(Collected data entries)
+---+

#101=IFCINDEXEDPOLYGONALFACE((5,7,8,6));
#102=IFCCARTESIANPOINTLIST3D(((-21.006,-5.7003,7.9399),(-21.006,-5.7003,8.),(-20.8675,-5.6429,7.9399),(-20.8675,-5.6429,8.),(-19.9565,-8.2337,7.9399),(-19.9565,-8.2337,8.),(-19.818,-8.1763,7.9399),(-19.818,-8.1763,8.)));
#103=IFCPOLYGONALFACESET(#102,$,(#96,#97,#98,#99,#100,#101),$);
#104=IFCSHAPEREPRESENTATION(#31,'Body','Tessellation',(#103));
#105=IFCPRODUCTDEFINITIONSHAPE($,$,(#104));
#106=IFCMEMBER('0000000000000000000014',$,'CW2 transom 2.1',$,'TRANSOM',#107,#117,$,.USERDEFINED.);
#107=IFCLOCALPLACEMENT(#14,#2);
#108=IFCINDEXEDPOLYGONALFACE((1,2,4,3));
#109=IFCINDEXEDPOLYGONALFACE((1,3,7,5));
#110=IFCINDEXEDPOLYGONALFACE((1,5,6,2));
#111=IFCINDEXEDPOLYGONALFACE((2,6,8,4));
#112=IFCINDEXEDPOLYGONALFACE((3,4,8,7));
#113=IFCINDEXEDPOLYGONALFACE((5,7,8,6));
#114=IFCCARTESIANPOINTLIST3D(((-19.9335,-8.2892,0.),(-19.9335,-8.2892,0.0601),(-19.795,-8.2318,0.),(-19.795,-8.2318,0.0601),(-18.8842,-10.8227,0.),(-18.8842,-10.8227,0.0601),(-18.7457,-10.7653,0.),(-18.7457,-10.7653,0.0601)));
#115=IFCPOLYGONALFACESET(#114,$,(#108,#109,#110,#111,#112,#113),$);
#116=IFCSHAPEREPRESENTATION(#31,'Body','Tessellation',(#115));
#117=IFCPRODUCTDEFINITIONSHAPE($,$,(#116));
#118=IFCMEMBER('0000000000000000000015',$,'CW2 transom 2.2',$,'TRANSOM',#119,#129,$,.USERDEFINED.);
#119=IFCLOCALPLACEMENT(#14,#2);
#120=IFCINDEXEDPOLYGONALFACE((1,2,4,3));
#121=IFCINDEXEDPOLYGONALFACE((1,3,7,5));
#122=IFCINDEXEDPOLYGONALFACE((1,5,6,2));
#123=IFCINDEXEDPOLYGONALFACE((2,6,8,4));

+---+

## [EXERCISE BRIEF]
What is needed is the number of lines in the data that hold the word "TRANSOM", and nothing more.

## [FINAL ANSWER]
2